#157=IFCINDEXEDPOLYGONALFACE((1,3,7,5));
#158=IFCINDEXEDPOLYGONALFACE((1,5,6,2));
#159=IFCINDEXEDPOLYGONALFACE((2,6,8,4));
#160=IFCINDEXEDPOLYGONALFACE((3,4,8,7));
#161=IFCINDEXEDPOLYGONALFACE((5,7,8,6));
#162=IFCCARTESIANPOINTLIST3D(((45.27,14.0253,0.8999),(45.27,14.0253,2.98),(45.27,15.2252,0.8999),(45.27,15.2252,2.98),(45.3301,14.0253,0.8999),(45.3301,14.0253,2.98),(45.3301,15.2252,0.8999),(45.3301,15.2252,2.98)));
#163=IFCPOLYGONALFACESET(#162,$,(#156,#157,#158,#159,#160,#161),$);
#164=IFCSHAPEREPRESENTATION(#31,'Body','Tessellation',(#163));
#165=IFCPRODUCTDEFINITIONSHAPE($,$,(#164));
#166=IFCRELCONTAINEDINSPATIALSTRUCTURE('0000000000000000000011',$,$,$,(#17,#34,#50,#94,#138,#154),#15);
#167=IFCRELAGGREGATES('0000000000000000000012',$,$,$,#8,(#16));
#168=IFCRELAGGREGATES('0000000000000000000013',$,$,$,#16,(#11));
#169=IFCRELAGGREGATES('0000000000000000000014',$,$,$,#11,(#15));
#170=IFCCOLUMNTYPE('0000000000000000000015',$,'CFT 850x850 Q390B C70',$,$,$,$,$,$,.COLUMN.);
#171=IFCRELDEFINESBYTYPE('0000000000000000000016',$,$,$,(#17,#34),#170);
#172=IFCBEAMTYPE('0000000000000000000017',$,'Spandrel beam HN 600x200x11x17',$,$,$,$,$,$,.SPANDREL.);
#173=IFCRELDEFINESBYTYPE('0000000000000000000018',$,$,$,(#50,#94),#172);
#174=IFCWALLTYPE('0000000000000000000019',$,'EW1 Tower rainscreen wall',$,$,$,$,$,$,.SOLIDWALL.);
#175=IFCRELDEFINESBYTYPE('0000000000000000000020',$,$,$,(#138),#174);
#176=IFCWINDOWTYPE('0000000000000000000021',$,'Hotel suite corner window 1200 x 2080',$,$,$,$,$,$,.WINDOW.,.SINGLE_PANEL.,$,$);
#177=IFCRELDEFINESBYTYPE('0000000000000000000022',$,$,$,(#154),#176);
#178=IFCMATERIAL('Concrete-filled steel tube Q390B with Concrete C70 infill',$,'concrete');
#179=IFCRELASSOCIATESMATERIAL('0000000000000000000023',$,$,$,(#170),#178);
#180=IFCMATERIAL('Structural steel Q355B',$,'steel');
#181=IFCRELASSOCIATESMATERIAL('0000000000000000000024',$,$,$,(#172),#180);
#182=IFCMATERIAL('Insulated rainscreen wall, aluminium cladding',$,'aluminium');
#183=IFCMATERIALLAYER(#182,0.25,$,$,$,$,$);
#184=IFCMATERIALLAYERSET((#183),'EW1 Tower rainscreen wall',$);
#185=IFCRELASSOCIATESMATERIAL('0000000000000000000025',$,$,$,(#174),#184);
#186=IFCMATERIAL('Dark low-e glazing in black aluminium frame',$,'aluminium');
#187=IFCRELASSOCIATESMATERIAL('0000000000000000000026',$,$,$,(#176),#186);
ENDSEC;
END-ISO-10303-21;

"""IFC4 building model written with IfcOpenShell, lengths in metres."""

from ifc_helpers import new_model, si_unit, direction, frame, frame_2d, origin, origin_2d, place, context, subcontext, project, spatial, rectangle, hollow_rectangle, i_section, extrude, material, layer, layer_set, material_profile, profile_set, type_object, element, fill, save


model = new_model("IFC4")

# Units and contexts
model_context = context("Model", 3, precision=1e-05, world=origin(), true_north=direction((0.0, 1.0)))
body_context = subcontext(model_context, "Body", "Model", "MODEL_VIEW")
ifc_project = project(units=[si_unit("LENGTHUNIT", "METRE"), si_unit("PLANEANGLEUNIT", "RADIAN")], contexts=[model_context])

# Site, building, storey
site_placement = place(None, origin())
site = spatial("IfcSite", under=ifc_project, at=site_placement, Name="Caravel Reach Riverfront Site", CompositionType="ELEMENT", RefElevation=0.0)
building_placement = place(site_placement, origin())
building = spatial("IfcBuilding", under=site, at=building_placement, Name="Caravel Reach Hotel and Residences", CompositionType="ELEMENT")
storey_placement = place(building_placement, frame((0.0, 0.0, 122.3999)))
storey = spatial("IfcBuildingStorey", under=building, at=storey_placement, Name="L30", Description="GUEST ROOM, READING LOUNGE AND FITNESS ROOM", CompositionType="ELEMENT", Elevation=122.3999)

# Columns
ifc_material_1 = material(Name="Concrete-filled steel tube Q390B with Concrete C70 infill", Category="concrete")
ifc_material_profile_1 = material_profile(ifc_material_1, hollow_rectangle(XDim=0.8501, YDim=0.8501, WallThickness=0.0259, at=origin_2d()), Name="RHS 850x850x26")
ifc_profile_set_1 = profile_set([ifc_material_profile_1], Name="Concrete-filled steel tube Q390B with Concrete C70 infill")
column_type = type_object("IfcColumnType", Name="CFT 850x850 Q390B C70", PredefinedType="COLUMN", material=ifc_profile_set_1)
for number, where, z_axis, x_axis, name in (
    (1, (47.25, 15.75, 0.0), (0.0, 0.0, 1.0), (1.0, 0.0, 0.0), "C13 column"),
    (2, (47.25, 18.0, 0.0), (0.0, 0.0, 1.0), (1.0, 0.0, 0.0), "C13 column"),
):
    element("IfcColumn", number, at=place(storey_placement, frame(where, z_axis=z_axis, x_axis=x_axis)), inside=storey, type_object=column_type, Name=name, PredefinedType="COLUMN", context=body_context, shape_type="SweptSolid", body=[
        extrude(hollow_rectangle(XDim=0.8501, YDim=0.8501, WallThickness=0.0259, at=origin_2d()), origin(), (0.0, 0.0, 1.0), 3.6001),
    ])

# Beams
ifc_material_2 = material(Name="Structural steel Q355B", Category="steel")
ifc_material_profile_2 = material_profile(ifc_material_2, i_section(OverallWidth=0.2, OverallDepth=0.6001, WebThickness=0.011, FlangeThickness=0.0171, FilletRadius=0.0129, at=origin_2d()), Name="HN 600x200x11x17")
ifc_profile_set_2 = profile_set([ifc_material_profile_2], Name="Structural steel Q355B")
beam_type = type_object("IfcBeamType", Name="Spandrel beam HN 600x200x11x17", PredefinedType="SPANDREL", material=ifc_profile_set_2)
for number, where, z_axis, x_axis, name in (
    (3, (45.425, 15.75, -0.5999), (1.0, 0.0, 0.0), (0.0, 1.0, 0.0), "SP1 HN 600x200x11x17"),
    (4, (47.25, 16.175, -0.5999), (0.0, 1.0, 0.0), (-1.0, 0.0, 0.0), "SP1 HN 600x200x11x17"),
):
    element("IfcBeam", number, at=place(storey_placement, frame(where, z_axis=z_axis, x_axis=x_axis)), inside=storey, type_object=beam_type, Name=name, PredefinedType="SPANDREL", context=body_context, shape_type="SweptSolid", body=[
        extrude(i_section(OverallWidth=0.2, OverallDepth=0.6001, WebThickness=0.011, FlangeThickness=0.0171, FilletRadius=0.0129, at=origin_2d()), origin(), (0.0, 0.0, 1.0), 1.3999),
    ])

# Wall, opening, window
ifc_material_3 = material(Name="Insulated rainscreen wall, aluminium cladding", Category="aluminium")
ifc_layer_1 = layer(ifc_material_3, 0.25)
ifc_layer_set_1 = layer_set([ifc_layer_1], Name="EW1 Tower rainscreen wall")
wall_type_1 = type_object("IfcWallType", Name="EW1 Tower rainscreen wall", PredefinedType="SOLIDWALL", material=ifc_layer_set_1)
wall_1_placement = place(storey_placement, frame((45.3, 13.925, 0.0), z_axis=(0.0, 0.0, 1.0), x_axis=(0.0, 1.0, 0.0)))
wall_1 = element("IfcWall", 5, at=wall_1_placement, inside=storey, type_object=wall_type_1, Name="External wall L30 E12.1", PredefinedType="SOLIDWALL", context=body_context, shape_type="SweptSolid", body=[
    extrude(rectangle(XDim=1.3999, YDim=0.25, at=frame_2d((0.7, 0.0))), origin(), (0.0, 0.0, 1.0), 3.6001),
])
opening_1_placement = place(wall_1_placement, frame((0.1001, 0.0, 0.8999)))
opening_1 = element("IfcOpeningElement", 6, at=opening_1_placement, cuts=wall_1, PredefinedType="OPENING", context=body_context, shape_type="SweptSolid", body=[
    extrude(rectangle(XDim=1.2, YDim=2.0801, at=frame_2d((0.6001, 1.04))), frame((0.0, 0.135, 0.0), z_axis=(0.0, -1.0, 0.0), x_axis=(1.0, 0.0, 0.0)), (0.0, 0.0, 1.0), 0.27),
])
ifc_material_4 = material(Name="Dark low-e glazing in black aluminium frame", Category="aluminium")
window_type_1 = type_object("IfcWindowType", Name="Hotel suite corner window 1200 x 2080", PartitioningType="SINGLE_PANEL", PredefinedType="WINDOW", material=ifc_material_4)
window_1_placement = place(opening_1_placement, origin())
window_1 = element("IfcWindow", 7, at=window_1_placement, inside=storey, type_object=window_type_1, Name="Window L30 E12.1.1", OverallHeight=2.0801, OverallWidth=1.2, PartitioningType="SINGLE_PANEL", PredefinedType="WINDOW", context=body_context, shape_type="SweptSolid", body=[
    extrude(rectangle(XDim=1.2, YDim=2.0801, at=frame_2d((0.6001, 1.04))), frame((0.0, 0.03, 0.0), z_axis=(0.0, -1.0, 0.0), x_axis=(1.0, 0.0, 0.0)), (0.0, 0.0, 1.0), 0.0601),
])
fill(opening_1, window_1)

--------

* **EXERCISE OBJECTIVE**:
Check the lines above and copy each one that includes "Hotel".

* **EXERCISE ANSWER**:
#176=IFCWINDOWTYPE('0000000000000000000021',$,'Hotel suite corner window 1200 x 2080',$,$,$,$,$,$,.WINDOW.,.SINGLE_PANEL.,$,$);
building = spatial("IfcBuilding", under=site, at=building_placement, Name="Caravel Reach Hotel and Residences", CompositionType="ELEMENT")
window_type_1 = type_object("IfcWindowType", Name="Hotel suite corner window 1200 x 2080", PartitioningType="SINGLE_PANEL", PredefinedType="WINDOW", material=ifc_material_4)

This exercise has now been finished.